Record excerpts
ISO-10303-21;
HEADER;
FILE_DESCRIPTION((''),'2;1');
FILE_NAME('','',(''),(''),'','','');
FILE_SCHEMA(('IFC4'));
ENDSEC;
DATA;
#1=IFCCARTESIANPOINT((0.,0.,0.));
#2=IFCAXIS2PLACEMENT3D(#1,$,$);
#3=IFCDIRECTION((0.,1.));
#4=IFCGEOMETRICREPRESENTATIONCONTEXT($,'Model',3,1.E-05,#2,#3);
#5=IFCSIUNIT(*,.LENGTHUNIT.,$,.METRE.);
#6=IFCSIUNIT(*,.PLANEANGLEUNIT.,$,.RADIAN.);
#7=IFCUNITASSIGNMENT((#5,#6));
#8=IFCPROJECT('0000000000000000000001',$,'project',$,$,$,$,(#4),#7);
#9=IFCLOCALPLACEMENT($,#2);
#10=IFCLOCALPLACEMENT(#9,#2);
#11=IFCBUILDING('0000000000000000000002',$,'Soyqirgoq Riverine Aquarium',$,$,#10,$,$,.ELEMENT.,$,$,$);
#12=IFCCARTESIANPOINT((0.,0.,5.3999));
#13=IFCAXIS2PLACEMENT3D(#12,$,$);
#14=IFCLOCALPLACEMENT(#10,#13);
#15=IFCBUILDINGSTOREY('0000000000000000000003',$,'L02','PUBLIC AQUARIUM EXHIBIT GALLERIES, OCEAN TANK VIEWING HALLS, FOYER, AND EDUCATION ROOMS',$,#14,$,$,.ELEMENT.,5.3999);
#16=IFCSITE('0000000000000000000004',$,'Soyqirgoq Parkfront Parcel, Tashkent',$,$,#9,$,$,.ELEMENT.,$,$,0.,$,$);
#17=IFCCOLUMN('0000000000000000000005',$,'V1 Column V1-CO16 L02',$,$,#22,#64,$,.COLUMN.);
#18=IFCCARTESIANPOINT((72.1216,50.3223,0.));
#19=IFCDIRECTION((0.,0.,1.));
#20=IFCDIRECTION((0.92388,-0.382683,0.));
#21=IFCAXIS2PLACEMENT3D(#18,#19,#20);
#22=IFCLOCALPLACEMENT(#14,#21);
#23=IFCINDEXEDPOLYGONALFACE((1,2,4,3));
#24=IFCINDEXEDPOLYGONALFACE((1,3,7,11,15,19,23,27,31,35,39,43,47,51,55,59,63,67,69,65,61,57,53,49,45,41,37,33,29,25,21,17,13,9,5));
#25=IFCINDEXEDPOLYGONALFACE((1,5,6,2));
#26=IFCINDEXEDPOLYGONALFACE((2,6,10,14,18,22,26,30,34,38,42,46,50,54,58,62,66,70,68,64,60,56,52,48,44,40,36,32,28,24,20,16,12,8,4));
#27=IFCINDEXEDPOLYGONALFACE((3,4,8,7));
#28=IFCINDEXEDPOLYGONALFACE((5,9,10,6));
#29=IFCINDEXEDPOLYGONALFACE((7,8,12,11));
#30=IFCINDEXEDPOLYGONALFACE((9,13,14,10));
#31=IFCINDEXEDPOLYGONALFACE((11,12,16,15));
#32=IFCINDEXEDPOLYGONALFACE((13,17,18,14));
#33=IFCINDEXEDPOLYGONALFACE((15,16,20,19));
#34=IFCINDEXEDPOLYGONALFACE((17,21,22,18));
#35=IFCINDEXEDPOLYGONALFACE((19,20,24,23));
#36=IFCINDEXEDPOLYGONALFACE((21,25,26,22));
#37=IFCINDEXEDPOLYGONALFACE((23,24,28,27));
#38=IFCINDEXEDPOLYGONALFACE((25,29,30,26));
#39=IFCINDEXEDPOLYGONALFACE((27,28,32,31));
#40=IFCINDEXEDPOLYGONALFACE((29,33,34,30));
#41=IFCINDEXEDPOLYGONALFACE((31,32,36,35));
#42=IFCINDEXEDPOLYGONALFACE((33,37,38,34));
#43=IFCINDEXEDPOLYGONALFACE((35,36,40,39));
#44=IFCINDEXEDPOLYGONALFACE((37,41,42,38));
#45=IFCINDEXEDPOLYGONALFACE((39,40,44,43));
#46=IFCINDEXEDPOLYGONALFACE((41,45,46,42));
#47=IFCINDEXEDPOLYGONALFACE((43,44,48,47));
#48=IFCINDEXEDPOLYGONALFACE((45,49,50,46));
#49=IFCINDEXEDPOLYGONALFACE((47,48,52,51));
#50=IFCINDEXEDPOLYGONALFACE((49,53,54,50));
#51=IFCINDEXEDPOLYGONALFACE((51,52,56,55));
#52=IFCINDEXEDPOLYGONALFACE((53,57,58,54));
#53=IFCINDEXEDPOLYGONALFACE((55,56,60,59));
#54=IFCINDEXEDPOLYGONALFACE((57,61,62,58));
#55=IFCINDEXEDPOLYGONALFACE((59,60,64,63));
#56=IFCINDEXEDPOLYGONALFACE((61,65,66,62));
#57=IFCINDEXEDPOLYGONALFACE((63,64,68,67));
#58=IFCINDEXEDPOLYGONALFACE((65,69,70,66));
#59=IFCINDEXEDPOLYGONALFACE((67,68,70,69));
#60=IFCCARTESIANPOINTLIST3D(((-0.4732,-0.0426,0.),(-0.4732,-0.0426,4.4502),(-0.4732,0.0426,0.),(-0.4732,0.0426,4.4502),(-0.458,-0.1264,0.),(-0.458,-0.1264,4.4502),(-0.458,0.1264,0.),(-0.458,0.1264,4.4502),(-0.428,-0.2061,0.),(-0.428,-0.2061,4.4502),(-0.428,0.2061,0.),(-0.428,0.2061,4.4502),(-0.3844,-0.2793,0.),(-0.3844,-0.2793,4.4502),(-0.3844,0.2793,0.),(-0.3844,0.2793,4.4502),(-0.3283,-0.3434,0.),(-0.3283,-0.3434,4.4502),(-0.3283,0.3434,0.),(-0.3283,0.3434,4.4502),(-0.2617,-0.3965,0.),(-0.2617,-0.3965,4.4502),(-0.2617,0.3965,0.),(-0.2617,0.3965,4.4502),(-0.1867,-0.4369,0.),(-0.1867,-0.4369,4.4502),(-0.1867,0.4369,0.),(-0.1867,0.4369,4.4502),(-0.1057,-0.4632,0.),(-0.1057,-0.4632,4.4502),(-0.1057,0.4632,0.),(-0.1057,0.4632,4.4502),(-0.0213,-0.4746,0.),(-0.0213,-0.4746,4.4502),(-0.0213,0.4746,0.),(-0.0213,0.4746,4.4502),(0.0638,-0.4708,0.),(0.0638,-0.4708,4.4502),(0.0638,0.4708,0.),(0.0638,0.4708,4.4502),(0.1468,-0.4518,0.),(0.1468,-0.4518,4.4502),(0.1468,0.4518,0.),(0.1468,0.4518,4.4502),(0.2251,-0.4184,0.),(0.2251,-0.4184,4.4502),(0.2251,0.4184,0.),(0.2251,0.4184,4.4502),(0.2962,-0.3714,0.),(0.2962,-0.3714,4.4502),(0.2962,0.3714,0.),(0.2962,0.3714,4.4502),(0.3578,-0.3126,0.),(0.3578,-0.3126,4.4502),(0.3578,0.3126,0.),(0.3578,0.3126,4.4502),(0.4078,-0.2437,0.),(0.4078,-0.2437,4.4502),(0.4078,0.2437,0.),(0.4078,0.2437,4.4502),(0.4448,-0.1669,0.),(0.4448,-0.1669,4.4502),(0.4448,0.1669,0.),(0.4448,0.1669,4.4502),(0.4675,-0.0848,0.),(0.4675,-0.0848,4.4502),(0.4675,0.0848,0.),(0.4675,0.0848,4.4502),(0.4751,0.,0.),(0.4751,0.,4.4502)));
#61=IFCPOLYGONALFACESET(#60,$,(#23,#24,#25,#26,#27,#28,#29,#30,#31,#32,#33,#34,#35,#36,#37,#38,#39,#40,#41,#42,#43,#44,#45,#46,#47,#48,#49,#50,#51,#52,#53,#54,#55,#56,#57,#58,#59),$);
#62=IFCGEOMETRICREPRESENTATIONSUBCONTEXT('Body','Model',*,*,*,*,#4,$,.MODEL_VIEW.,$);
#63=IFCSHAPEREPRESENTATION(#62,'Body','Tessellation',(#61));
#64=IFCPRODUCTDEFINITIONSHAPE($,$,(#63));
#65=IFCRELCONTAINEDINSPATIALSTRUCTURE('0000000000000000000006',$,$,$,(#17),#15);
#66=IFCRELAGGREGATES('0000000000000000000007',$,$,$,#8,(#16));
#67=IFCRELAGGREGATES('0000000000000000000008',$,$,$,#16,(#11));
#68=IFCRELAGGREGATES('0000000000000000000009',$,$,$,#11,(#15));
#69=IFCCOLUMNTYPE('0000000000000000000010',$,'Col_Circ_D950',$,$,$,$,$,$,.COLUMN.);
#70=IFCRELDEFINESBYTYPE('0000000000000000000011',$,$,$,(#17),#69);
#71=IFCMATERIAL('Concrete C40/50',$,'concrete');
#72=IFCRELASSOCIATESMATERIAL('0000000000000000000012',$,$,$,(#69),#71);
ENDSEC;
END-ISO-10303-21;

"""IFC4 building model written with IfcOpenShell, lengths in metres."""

from ifc_helpers import new_model, si_unit, direction, frame, origin, origin_2d, place, context, subcontext, project, spatial, circle, extrude, material, material_profile, profile_set, type_object, element, save


model = new_model("IFC4")

# Units and contexts
model_context = context("Model", 3, precision=1e-05, world=origin(), true_north=direction((0.0, 1.0)))
body_context = subcontext(model_context, "Body", "Model", "MODEL_VIEW")
ifc_project = project(units=[si_unit("LENGTHUNIT", "METRE"), si_unit("PLANEANGLEUNIT", "RADIAN")], contexts=[model_context])

# Site, building, storey
site_placement = place(None, origin())
site = spatial("IfcSite", under=ifc_project, at=site_placement, Name="Soyqirgoq Parkfront Parcel, Tashkent", CompositionType="ELEMENT", RefElevation=0.0)
building_placement = place(site_placement, origin())
building = spatial("IfcBuilding", under=site, at=building_placement, Name="Soyqirgoq Riverine Aquarium", CompositionType="ELEMENT")
storey_placement = place(building_placement, frame((0.0, 0.0, 5.3999)))
storey = spatial("IfcBuildingStorey", under=building, at=storey_placement, Name="L02", Description="PUBLIC AQUARIUM EXHIBIT GALLERIES, OCEAN TANK VIEWING HALLS, FOYER, AND EDUCATION ROOMS", CompositionType="ELEMENT", Elevation=5.3999)

# Column
ifc_material_1 = material(Name="Concrete C40/50", Category="concrete")
ifc_material_profile_1 = material_profile(ifc_material_1, circle(Radius=0.4751, at=origin_2d()), Name="RC-COL D950")
ifc_profile_set_1 = profile_set([ifc_material_profile_1], Name="Concrete C40/50")
column_type = type_object("IfcColumnType", Name="Col_Circ_D950", PredefinedType="COLUMN", material=ifc_profile_set_1)
column_placement = place(storey_placement, frame((72.1216, 50.3223, 0.0), z_axis=(0.0, 0.0, 1.0), x_axis=(0.92388, -0.382683, 0.0)))
element("IfcColumn", 1, at=column_placement, inside=storey, type_object=column_type, Name="V1 Column V1-CO16 L02", PredefinedType="COLUMN", context=body_context, shape_type="SweptSolid", body=[
    extrude(circle(Radius=0.4751, at=origin_2d()), origin(), (0.0, 0.0, 1.0), 4.4502),
])

save(model, "model.ifc")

Exercise directions
Copy range, inclusive: the line holding "#3=IFCDIRECTION((0.,1.));" to the line holding "#33=IFCINDEXEDPOLYGONALFACE((15,16,20,19));". Reproduce exactly those lines of the records above and no others.

Solution
#3=IFCDIRECTION((0.,1.));
#4=IFCGEOMETRICREPRESENTATIONCONTEXT($,'Model',3,1.E-05,#2,#3);
#5=IFCSIUNIT(*,.LENGTHUNIT.,$,.METRE.);
#6=IFCSIUNIT(*,.PLANEANGLEUNIT.,$,.RADIAN.);
#7=IFCUNITASSIGNMENT((#5,#6));
#8=IFCPROJECT('0000000000000000000001',$,'project',$,$,$,$,(#4),#7);
#9=IFCLOCALPLACEMENT($,#2);
#10=IFCLOCALPLACEMENT(#9,#2);
#11=IFCBUILDING('0000000000000000000002',$,'Soyqirgoq Riverine Aquarium',$,$,#10,$,$,.ELEMENT.,$,$,$);
#12=IFCCARTESIANPOINT((0.,0.,5.3999));
#13=IFCAXIS2PLACEMENT3D(#12,$,$);
#14=IFCLOCALPLACEMENT(#10,#13);
#15=IFCBUILDINGSTOREY('0000000000000000000003',$,'L02','PUBLIC AQUARIUM EXHIBIT GALLERIES, OCEAN TANK VIEWING HALLS, FOYER, AND EDUCATION ROOMS',$,#14,$,$,.ELEMENT.,5.3999);
#16=IFCSITE('0000000000000000000004',$,'Soyqirgoq Parkfront Parcel, Tashkent',$,$,#9,$,$,.ELEMENT.,$,$,0.,$,$);
#17=IFCCOLUMN('0000000000000000000005',$,'V1 Column V1-CO16 L02',$,$,#22,#64,$,.COLUMN.);
#18=IFCCARTESIANPOINT((72.1216,50.3223,0.));
#19=IFCDIRECTION((0.,0.,1.));
#20=IFCDIRECTION((0.92388,-0.382683,0.));
#21=IFCAXIS2PLACEMENT3D(#18,#19,#20);
#22=IFCLOCALPLACEMENT(#14,#21);
#23=IFCINDEXEDPOLYGONALFACE((1,2,4,3));
#24=IFCINDEXEDPOLYGONALFACE((1,3,7,11,15,19,23,27,31,35,39,43,47,51,55,59,63,67,69,65,61,57,53,49,45,41,37,33,29,25,21,17,13,9,5));
#25=IFCINDEXEDPOLYGONALFACE((1,5,6,2));
#26=IFCINDEXEDPOLYGONALFACE((2,6,10,14,18,22,26,30,34,38,42,46,50,54,58,62,66,70,68,64,60,56,52,48,44,40,36,32,28,24,20,16,12,8,4));
#27=IFCINDEXEDPOLYGONALFACE((3,4,8,7));
#28=IFCINDEXEDPOLYGONALFACE((5,9,10,6));
#29=IFCINDEXEDPOLYGONALFACE((7,8,12,11));
#30=IFCINDEXEDPOLYGONALFACE((9,13,14,10));
#31=IFCINDEXEDPOLYGONALFACE((11,12,16,15));
#32=IFCINDEXEDPOLYGONALFACE((13,17,18,14));
#33=IFCINDEXEDPOLYGONALFACE((15,16,20,19));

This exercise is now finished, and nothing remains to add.